EXERCISE DIRECTIONS:
Of all the lines in the records below, copy only those that contain the string "IfcBuildingStorey".

=== EXTRACTED MATERIAL ===

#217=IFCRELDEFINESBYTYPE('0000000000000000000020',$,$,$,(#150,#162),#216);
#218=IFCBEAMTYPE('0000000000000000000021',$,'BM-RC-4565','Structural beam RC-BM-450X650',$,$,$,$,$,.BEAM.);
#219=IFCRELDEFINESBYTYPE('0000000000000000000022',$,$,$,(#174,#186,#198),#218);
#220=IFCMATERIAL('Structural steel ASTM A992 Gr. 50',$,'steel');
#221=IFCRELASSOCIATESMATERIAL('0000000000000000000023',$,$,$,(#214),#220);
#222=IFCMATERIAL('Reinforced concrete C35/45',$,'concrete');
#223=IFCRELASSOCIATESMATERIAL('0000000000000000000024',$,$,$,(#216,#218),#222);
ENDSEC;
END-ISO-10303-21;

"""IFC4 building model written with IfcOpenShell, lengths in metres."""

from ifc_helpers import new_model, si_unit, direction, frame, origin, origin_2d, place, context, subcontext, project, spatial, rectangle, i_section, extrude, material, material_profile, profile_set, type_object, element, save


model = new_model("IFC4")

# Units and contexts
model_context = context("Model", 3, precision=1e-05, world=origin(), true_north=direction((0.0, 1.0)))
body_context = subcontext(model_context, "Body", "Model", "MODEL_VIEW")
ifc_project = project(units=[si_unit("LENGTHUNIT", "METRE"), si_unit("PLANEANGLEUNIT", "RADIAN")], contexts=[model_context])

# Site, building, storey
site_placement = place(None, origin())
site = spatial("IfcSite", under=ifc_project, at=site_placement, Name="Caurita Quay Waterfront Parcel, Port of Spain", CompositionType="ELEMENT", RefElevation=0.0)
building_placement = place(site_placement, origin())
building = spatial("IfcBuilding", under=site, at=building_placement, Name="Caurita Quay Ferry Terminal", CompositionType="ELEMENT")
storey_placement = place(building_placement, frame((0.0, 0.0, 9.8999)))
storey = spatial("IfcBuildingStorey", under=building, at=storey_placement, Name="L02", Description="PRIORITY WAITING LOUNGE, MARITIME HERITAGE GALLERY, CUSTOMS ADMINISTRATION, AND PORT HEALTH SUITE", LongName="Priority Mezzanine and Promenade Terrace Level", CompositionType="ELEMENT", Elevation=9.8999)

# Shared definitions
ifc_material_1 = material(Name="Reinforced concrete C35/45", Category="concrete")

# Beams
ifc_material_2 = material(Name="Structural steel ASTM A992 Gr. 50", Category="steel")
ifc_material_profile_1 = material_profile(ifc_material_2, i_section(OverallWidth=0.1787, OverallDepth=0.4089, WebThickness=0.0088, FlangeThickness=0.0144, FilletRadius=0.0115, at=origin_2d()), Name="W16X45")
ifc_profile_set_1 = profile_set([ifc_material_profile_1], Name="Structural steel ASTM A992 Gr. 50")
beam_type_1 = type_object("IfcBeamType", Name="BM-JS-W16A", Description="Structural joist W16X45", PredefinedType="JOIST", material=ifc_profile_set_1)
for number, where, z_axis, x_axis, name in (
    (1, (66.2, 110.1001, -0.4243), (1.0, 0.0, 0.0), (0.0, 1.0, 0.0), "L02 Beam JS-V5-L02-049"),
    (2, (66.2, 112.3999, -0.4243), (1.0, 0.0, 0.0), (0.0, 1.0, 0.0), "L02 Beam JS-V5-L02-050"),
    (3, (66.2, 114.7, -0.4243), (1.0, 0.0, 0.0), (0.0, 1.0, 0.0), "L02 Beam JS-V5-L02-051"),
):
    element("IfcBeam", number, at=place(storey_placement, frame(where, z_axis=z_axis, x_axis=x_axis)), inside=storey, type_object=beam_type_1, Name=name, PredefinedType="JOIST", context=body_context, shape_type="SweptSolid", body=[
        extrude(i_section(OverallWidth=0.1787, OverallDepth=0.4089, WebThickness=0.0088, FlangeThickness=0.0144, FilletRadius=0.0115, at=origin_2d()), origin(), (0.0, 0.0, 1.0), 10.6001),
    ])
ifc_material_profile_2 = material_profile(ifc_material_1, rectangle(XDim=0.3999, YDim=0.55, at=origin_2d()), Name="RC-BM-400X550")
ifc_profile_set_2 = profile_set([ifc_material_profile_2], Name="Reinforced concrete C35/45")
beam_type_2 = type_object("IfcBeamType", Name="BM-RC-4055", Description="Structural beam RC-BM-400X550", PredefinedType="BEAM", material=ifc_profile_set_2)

===
=== EXTRACTED MATERIAL ===

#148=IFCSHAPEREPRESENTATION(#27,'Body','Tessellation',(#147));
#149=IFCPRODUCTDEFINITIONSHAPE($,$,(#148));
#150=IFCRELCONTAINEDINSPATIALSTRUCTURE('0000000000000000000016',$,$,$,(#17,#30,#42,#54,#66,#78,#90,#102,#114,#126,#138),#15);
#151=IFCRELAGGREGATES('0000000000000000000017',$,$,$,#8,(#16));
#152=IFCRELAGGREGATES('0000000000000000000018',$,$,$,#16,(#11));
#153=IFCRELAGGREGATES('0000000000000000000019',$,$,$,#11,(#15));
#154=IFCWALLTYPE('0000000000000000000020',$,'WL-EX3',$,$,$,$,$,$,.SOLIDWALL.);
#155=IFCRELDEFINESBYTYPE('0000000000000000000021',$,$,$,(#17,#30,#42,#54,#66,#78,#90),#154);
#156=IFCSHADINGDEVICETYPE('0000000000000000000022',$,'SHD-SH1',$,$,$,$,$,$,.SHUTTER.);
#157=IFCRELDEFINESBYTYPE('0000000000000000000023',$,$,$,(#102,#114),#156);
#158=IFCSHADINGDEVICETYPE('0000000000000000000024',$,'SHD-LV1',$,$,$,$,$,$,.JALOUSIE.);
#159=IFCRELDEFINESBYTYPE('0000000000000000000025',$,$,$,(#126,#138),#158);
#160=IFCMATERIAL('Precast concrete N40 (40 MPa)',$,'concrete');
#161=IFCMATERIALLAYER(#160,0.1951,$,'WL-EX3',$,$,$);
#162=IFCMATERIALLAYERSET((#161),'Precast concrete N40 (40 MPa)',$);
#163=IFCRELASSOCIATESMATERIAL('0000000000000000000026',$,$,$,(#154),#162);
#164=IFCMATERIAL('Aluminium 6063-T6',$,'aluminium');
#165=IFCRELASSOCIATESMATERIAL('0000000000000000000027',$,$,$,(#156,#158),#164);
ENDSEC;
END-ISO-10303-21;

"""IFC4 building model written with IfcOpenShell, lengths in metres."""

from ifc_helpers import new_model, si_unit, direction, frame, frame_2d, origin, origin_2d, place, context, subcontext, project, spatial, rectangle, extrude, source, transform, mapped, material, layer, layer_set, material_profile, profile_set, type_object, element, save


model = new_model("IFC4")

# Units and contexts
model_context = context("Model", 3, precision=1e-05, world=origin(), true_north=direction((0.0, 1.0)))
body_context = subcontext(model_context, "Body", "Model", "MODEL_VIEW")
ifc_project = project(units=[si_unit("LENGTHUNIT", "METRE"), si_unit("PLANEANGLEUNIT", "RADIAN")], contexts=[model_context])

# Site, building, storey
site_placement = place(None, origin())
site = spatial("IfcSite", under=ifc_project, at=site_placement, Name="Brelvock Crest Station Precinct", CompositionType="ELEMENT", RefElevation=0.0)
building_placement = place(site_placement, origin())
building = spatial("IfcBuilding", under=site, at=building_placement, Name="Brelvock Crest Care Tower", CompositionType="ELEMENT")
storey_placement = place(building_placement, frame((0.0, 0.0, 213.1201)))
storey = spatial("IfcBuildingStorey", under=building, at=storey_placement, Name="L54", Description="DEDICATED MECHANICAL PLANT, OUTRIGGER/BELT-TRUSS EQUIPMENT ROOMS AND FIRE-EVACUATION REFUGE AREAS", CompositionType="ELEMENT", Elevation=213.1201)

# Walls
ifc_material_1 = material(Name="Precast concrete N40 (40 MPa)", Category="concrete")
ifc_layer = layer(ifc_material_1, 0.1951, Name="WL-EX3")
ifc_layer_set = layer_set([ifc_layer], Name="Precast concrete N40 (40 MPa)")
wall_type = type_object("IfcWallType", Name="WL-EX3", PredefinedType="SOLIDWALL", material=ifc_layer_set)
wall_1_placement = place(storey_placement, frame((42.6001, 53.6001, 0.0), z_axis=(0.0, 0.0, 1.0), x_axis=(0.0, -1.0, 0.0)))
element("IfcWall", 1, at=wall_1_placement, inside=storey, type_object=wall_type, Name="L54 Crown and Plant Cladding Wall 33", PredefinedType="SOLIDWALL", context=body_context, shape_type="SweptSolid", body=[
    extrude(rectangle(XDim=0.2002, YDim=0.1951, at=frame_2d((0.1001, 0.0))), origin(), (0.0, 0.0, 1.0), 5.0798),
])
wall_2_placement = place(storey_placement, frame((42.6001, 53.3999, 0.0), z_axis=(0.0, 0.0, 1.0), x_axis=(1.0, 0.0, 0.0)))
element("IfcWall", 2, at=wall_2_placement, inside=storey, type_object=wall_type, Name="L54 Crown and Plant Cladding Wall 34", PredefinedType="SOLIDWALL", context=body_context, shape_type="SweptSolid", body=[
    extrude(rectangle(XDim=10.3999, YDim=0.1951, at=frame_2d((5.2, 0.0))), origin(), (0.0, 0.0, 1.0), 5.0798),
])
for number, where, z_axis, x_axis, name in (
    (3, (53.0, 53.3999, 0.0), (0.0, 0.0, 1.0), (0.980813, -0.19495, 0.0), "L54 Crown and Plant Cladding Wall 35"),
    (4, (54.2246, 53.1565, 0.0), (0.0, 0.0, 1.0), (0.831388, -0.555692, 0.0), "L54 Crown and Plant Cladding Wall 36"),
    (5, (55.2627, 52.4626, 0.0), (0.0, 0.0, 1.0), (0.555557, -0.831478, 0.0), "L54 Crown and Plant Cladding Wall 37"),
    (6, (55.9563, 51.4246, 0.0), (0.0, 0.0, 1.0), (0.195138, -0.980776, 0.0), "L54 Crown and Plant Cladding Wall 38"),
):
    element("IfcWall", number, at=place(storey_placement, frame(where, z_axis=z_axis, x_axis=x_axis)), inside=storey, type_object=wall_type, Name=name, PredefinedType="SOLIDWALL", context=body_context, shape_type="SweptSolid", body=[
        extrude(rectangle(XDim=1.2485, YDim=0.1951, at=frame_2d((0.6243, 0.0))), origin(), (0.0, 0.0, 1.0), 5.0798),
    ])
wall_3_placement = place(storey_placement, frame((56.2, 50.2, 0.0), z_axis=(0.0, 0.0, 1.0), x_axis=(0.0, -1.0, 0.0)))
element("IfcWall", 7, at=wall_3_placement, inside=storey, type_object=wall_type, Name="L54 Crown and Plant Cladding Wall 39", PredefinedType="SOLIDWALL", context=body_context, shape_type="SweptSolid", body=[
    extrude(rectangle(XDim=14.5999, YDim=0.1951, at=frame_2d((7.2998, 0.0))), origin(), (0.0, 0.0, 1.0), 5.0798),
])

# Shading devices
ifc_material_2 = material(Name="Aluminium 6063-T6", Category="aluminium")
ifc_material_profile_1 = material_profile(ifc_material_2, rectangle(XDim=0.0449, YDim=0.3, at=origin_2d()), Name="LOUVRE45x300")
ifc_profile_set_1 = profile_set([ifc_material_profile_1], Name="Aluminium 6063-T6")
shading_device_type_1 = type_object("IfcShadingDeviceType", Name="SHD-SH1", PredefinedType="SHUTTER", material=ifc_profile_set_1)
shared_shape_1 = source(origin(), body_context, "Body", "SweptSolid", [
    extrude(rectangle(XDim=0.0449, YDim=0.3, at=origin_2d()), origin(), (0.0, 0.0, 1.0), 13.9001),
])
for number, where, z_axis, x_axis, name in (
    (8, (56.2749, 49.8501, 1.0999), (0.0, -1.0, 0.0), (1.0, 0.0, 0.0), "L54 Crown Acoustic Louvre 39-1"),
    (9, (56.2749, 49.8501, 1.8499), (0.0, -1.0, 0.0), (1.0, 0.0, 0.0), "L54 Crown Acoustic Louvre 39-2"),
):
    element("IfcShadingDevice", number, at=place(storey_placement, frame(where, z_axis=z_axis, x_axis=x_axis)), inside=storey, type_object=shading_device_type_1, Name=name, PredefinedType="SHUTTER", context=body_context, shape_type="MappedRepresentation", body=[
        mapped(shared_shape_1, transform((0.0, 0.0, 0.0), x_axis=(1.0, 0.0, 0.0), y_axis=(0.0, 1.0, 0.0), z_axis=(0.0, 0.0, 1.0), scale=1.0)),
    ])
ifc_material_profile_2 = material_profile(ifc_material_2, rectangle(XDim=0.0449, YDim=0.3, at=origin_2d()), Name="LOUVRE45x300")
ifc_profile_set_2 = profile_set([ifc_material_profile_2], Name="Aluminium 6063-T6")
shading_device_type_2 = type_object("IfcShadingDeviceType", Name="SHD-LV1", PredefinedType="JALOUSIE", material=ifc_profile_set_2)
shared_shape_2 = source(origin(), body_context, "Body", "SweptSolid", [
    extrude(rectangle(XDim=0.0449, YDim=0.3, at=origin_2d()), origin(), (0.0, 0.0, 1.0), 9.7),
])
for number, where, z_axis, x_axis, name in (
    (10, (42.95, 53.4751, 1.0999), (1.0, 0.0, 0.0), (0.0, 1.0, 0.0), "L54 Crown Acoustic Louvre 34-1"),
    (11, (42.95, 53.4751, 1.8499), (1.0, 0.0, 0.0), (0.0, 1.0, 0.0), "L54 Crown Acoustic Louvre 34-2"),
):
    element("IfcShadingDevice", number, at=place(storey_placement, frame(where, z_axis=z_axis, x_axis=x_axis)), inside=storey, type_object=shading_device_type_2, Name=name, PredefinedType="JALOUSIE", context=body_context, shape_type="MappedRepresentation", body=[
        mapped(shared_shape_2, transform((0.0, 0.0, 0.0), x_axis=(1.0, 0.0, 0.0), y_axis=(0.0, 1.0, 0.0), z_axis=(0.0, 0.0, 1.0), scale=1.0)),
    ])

===

SOLUTION TO THIS PROBLEM:
storey = spatial("IfcBuildingStorey", under=building, at=storey_placement, Name="L02", Description="PRIORITY WAITING LOUNGE, MARITIME HERITAGE GALLERY, CUSTOMS ADMINISTRATION, AND PORT HEALTH SUITE", LongName="Priority Mezzanine and Promenade Terrace Level", CompositionType="ELEMENT", Elevation=9.8999)
storey = spatial("IfcBuildingStorey", under=building, at=storey_placement, Name="L54", Description="DEDICATED MECHANICAL PLANT, OUTRIGGER/BELT-TRUSS EQUIPMENT ROOMS AND FIRE-EVACUATION REFUGE AREAS", CompositionType="ELEMENT", Elevation=213.1201)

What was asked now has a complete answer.